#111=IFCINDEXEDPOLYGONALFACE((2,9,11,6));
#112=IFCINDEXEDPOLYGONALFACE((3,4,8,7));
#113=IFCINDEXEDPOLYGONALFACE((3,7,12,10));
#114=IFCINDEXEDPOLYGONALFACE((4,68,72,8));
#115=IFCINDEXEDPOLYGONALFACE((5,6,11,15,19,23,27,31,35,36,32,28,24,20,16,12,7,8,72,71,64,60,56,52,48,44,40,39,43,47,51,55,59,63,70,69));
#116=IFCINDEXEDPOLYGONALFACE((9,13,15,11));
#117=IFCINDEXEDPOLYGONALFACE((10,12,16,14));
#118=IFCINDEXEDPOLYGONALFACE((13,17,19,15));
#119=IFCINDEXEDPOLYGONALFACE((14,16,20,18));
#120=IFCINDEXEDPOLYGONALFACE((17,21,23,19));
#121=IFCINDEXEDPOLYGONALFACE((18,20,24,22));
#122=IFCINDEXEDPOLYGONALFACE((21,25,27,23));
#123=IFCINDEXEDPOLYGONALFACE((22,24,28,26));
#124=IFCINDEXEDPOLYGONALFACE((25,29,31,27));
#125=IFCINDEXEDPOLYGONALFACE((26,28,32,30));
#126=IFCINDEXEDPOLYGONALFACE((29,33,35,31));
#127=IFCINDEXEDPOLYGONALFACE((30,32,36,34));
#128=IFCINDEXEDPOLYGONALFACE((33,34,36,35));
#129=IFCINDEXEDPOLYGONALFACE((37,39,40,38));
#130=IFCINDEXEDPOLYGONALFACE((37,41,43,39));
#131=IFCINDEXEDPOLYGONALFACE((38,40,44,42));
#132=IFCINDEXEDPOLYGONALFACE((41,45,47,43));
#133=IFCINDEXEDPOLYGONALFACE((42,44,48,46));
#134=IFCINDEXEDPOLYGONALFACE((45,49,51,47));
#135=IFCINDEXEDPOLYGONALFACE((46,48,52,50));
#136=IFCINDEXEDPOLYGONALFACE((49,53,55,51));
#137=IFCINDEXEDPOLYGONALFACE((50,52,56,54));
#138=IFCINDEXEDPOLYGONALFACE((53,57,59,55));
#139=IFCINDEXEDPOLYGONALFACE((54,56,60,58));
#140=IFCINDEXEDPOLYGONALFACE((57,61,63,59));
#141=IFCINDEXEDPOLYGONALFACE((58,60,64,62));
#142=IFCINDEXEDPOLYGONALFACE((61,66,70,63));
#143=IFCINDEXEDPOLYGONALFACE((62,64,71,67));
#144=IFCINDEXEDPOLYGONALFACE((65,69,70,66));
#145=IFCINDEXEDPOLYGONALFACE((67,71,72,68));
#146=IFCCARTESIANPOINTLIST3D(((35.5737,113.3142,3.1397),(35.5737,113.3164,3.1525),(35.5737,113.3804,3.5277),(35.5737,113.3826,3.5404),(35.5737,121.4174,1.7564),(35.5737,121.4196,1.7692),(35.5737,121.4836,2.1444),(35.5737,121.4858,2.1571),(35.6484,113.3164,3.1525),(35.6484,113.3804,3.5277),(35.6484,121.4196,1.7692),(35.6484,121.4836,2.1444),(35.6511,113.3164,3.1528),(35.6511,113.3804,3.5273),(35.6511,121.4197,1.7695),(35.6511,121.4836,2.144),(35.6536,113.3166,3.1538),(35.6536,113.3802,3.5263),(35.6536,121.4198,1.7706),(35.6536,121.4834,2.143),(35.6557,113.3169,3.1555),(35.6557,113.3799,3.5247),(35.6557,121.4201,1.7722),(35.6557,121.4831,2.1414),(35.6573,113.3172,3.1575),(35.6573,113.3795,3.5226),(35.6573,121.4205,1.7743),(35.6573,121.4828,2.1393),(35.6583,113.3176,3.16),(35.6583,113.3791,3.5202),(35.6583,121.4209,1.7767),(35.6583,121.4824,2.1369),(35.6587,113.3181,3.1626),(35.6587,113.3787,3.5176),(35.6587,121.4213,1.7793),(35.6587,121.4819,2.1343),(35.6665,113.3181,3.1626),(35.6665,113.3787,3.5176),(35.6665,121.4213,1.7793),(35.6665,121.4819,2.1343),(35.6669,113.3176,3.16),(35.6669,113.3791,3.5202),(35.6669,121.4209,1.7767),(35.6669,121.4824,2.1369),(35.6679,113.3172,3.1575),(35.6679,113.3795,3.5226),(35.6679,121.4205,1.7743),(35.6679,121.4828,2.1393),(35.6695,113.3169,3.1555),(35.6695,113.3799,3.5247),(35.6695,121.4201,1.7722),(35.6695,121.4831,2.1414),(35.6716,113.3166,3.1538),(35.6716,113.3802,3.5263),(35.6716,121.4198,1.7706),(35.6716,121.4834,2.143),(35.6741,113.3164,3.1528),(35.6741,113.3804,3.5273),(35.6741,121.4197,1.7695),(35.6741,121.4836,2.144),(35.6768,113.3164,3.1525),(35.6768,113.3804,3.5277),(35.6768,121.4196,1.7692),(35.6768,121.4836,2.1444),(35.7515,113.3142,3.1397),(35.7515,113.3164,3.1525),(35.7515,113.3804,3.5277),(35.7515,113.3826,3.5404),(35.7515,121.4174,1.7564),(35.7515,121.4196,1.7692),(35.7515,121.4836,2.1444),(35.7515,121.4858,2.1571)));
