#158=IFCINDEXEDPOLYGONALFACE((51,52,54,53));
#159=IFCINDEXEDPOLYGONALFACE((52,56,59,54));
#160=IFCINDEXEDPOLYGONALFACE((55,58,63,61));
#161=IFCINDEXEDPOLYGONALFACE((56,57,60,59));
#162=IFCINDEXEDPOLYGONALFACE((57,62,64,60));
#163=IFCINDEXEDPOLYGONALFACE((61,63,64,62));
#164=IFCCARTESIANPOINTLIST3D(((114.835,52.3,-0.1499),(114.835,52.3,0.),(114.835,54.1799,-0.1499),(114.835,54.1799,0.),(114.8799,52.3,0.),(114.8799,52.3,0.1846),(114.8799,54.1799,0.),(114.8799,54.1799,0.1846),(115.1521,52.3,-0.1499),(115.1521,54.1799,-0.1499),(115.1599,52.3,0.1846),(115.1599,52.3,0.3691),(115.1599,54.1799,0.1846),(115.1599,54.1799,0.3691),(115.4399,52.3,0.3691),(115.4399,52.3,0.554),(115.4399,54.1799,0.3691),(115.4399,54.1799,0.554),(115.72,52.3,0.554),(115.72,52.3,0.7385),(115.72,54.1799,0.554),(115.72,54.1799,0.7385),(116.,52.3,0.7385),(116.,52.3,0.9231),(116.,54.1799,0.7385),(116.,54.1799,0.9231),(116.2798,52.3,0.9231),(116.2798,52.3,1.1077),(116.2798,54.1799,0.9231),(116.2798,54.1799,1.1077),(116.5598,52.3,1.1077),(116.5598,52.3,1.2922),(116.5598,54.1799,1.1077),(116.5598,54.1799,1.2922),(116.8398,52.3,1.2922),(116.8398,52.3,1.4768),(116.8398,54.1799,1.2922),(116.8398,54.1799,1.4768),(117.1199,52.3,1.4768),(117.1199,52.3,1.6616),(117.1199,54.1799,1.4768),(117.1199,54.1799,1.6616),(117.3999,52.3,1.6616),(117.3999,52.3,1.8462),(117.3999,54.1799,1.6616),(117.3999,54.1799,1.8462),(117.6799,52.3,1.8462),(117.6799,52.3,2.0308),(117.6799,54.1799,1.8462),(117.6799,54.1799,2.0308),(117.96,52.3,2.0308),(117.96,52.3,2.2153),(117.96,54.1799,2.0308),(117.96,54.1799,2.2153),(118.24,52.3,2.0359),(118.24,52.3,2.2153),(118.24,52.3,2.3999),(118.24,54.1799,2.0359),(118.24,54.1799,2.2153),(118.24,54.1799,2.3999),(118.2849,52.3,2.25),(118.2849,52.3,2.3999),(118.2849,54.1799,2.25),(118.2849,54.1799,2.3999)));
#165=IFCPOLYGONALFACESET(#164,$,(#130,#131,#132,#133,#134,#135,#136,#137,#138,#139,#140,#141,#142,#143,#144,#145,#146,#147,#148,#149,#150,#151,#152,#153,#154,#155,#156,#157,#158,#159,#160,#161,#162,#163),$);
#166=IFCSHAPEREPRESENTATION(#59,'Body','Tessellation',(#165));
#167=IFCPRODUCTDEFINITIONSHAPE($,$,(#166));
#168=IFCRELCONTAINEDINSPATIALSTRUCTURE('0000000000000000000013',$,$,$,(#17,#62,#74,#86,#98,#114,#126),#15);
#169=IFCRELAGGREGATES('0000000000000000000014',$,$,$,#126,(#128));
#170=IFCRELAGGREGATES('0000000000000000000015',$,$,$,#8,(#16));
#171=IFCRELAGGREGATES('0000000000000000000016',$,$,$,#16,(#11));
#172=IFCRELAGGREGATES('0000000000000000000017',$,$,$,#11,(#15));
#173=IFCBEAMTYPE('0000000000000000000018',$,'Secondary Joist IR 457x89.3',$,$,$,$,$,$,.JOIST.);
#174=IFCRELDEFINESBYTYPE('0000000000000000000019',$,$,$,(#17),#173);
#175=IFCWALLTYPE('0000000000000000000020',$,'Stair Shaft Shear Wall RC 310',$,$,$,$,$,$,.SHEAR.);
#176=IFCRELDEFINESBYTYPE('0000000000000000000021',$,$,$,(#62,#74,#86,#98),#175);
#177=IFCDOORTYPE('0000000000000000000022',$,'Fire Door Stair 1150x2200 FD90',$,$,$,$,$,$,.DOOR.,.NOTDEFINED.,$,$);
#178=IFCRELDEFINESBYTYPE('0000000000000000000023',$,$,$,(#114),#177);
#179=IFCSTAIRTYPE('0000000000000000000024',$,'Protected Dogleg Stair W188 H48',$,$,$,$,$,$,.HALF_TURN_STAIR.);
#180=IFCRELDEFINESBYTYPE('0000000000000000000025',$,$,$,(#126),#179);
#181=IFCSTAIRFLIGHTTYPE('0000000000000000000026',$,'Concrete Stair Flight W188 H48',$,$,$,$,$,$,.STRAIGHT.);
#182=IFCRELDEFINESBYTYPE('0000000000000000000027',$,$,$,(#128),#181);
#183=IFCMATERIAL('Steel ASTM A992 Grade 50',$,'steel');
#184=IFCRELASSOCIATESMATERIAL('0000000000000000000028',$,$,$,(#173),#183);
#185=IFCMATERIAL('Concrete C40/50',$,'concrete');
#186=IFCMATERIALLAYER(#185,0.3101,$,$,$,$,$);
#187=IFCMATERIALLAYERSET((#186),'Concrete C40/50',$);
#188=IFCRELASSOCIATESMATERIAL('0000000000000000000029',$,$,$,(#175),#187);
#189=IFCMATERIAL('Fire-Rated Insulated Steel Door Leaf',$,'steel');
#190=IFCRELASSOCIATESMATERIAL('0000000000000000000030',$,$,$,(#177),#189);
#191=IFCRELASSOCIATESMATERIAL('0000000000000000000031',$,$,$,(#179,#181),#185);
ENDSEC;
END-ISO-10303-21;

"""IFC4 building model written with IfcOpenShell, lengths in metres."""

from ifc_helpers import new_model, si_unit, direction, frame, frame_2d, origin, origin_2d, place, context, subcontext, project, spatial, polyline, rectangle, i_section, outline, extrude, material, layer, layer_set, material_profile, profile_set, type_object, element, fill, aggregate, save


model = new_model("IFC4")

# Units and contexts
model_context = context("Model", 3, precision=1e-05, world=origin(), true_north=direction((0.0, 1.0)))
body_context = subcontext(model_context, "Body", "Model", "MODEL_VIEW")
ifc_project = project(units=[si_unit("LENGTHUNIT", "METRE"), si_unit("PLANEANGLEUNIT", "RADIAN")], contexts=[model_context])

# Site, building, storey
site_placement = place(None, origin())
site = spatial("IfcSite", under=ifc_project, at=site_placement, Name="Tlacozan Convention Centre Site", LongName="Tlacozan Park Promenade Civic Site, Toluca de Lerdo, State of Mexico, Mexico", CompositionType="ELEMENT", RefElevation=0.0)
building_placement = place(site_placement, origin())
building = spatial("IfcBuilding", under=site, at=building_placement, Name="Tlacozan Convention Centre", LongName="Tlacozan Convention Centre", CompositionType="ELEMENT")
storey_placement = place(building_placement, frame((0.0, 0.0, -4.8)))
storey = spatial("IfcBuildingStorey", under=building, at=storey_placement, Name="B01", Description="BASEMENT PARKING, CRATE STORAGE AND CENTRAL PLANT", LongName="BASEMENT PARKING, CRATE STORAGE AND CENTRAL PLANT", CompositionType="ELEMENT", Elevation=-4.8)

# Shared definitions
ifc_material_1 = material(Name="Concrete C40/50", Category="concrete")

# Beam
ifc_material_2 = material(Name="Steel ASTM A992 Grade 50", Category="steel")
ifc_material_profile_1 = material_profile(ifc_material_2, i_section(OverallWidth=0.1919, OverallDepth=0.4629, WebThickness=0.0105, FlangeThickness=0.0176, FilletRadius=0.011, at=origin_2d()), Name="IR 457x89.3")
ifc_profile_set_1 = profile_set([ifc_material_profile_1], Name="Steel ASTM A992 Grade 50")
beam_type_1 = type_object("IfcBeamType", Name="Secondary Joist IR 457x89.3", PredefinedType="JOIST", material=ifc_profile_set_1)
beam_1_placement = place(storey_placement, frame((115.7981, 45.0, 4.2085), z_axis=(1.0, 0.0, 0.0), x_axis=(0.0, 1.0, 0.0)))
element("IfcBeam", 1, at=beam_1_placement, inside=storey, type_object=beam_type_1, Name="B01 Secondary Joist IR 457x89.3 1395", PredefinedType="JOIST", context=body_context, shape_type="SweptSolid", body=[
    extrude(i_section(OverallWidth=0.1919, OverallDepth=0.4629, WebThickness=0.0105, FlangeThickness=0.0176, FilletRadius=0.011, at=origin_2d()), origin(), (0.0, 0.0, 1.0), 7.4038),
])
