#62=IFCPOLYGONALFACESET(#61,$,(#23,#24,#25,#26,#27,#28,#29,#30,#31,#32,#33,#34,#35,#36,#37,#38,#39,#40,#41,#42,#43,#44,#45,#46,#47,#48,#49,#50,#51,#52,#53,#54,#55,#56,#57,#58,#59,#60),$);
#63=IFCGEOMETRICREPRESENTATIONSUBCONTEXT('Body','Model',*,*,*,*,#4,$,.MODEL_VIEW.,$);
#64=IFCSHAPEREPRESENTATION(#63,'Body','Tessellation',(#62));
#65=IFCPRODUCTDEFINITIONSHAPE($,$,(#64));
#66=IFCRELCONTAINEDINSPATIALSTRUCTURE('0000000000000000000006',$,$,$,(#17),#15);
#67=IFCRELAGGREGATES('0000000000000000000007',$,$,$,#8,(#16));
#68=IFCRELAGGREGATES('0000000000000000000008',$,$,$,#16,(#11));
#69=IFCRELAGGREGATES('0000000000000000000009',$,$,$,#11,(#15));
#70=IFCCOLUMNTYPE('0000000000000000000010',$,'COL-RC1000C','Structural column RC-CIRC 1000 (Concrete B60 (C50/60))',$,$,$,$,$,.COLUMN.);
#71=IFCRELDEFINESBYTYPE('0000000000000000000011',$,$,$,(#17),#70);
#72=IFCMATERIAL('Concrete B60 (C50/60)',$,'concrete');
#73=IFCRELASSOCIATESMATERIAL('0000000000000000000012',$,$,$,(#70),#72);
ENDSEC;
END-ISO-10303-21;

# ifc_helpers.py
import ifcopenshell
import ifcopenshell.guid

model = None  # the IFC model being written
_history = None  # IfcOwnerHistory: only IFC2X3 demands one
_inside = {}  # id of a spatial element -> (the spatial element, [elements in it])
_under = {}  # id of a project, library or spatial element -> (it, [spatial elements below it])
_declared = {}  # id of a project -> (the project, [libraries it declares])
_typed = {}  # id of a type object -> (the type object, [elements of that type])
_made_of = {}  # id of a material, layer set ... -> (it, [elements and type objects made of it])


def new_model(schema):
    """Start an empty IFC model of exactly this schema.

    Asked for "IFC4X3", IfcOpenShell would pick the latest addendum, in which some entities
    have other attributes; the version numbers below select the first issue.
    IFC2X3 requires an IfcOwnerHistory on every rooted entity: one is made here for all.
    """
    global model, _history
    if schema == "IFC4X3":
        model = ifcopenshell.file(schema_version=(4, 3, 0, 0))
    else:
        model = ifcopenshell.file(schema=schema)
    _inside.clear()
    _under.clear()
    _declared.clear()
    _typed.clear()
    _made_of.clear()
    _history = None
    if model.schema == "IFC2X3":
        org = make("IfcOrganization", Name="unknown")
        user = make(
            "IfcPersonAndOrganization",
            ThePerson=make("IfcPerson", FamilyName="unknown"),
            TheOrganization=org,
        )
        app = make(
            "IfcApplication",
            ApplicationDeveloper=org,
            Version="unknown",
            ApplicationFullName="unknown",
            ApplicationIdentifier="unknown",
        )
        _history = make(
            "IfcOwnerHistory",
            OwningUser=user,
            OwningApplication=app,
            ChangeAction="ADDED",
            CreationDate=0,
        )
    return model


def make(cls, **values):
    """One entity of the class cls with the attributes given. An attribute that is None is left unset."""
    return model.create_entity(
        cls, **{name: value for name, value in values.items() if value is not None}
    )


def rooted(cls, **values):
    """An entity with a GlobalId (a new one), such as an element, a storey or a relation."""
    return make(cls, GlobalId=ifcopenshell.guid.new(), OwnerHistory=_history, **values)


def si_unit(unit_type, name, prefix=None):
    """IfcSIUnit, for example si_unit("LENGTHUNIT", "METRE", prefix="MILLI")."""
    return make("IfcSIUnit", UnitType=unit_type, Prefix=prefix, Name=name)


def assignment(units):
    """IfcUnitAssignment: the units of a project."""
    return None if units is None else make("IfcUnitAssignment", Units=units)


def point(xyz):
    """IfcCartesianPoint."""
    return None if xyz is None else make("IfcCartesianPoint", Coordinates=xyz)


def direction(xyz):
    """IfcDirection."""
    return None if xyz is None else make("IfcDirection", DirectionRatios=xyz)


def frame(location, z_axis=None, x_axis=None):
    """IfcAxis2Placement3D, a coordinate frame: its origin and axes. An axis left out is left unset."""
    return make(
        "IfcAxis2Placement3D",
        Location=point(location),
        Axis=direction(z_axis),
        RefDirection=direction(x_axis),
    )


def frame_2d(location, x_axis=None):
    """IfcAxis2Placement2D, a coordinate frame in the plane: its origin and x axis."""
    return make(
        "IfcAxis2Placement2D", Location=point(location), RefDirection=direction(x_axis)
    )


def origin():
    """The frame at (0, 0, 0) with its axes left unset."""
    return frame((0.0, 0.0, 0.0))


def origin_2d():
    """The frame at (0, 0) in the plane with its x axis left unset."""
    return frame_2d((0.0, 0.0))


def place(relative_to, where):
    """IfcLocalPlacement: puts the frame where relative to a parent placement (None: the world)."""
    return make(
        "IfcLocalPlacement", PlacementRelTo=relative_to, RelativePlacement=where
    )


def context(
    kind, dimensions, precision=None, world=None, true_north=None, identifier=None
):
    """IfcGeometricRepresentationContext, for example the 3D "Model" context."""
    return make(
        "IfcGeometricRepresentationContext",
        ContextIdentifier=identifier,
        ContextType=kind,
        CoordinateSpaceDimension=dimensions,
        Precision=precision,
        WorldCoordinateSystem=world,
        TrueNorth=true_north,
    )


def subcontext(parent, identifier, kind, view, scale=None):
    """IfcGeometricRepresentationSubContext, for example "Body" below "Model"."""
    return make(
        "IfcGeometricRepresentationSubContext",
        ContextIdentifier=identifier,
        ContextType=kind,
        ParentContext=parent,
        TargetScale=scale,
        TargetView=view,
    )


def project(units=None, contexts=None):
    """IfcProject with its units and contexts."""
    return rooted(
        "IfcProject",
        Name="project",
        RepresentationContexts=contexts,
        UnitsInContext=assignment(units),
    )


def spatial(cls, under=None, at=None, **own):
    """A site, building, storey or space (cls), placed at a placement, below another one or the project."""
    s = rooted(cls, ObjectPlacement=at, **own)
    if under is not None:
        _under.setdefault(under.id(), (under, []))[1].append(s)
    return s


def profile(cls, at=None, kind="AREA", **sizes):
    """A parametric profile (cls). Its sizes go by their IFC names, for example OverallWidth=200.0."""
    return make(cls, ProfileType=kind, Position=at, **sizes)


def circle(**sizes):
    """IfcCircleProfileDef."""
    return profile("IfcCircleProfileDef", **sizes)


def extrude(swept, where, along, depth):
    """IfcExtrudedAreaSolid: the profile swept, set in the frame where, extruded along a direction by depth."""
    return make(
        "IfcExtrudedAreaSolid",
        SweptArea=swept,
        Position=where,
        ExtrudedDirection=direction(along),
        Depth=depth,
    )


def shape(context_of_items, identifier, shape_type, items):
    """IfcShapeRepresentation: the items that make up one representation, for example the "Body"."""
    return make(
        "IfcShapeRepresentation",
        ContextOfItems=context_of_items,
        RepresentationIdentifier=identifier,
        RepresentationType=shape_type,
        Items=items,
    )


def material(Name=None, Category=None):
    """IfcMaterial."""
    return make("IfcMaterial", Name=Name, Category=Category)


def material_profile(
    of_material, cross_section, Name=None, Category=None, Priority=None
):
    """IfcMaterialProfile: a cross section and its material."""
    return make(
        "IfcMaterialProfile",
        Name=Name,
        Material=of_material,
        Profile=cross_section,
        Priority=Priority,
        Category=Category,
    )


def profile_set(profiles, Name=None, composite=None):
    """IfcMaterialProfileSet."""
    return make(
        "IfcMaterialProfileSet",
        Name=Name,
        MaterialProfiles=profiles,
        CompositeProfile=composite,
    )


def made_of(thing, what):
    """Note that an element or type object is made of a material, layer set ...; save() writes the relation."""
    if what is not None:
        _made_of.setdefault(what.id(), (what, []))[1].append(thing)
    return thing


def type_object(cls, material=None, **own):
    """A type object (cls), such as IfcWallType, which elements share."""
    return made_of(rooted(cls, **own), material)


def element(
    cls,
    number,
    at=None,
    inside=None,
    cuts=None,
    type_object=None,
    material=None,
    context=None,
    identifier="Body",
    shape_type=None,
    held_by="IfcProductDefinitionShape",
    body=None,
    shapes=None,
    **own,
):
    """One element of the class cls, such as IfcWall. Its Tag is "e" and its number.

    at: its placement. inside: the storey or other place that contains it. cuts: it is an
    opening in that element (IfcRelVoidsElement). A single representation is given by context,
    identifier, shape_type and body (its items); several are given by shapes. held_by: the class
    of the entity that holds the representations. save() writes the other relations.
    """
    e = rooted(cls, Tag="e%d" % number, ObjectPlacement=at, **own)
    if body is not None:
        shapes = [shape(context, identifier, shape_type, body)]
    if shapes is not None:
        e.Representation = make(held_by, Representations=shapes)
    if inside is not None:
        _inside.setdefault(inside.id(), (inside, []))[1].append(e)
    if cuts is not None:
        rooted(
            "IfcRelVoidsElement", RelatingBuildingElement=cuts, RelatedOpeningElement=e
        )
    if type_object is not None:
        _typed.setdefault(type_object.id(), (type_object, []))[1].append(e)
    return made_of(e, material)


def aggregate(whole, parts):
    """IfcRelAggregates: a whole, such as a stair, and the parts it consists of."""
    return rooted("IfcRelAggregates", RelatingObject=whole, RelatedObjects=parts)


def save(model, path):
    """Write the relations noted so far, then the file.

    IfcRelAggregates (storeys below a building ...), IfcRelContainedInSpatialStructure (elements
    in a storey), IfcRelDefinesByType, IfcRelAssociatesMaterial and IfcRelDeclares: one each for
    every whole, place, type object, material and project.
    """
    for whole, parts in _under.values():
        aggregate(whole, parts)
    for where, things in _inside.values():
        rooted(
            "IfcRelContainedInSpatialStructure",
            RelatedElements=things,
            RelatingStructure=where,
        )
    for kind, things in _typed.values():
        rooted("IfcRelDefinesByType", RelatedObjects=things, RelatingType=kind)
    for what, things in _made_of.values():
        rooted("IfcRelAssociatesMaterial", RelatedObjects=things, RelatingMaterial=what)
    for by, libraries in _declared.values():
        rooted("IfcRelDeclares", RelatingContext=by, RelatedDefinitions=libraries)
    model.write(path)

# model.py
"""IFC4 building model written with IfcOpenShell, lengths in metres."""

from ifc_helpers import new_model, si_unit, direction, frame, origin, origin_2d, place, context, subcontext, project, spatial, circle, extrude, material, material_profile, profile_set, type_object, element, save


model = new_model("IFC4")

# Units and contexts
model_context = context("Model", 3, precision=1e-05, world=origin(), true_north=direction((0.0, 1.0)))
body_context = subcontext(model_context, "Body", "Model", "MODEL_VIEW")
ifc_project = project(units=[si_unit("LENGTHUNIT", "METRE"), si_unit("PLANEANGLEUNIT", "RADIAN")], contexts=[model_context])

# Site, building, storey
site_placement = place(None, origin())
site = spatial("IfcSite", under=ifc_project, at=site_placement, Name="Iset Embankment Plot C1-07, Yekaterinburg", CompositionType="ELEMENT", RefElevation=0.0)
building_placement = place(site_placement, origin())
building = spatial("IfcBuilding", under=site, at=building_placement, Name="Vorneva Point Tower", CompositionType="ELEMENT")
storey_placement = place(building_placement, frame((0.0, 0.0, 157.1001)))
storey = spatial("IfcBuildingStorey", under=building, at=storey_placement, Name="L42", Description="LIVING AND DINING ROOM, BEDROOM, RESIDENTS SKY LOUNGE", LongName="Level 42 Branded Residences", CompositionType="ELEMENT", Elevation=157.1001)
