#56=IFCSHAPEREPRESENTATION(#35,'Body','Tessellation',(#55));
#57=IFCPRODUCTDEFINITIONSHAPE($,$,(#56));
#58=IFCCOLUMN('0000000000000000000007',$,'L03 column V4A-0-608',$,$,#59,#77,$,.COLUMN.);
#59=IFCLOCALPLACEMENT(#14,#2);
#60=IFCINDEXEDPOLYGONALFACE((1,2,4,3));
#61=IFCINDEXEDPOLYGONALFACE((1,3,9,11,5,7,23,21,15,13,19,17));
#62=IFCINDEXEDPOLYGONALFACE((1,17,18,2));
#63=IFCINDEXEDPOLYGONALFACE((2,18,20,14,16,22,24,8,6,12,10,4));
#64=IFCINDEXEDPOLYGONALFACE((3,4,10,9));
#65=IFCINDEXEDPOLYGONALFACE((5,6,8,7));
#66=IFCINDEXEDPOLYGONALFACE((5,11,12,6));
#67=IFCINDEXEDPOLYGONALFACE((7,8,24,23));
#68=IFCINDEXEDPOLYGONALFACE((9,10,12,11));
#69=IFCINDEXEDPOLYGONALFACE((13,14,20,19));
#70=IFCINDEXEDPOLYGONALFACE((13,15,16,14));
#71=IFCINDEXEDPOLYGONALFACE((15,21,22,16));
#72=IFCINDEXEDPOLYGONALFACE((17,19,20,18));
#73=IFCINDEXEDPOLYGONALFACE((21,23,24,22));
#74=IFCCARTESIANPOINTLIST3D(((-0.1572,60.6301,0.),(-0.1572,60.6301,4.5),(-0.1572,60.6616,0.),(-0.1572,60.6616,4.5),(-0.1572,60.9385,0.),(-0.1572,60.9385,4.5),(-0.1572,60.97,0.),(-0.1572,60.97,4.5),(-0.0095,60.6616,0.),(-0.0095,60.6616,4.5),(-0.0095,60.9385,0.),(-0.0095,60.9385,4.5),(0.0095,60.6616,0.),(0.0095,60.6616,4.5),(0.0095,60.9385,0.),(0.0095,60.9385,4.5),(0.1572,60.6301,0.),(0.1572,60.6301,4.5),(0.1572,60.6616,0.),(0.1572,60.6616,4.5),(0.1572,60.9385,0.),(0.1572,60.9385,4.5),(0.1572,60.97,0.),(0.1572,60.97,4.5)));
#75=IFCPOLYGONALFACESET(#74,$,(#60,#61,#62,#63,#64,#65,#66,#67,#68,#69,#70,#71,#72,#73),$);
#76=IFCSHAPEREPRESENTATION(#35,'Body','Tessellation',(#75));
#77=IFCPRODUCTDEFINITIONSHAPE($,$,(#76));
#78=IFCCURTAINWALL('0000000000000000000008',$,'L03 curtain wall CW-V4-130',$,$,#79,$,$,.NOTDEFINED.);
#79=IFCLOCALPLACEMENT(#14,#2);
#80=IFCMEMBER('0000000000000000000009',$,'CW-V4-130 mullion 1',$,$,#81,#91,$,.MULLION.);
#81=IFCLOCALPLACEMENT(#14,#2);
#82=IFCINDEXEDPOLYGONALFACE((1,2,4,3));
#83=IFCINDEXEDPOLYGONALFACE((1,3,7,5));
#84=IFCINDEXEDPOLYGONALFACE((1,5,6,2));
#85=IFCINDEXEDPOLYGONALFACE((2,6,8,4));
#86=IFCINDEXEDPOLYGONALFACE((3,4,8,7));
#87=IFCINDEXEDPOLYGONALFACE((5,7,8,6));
◇ ◇ ◇
▶ **Problem details**: Copy range, inclusive: the line holding "#116=IFCINDEXEDPOLYGONALFACE((9,13,15,11));" to the line holding "#139=IFCINDEXEDPOLYGONALFACE((54,56,60,58));". Reproduce exactly those lines of the records above and no others.

▶ **Exercise solution**:
#116=IFCINDEXEDPOLYGONALFACE((9,13,15,11));
#117=IFCINDEXEDPOLYGONALFACE((10,12,16,14));
#118=IFCINDEXEDPOLYGONALFACE((13,17,19,15));
#119=IFCINDEXEDPOLYGONALFACE((14,16,20,18));
#120=IFCINDEXEDPOLYGONALFACE((17,21,23,19));
#121=IFCINDEXEDPOLYGONALFACE((18,20,24,22));
#122=IFCINDEXEDPOLYGONALFACE((21,25,27,23));
#123=IFCINDEXEDPOLYGONALFACE((22,24,28,26));
#124=IFCINDEXEDPOLYGONALFACE((25,29,31,27));
#125=IFCINDEXEDPOLYGONALFACE((26,28,32,30));
#126=IFCINDEXEDPOLYGONALFACE((29,33,35,31));
#127=IFCINDEXEDPOLYGONALFACE((30,32,36,34));
#128=IFCINDEXEDPOLYGONALFACE((33,34,36,35));
#129=IFCINDEXEDPOLYGONALFACE((37,39,40,38));
#130=IFCINDEXEDPOLYGONALFACE((37,41,43,39));
#131=IFCINDEXEDPOLYGONALFACE((38,40,44,42));
#132=IFCINDEXEDPOLYGONALFACE((41,45,47,43));
#133=IFCINDEXEDPOLYGONALFACE((42,44,48,46));
#134=IFCINDEXEDPOLYGONALFACE((45,49,51,47));
#135=IFCINDEXEDPOLYGONALFACE((46,48,52,50));
#136=IFCINDEXEDPOLYGONALFACE((49,53,55,51));
#137=IFCINDEXEDPOLYGONALFACE((50,52,56,54));
#138=IFCINDEXEDPOLYGONALFACE((53,57,59,55));
#139=IFCINDEXEDPOLYGONALFACE((54,56,60,58));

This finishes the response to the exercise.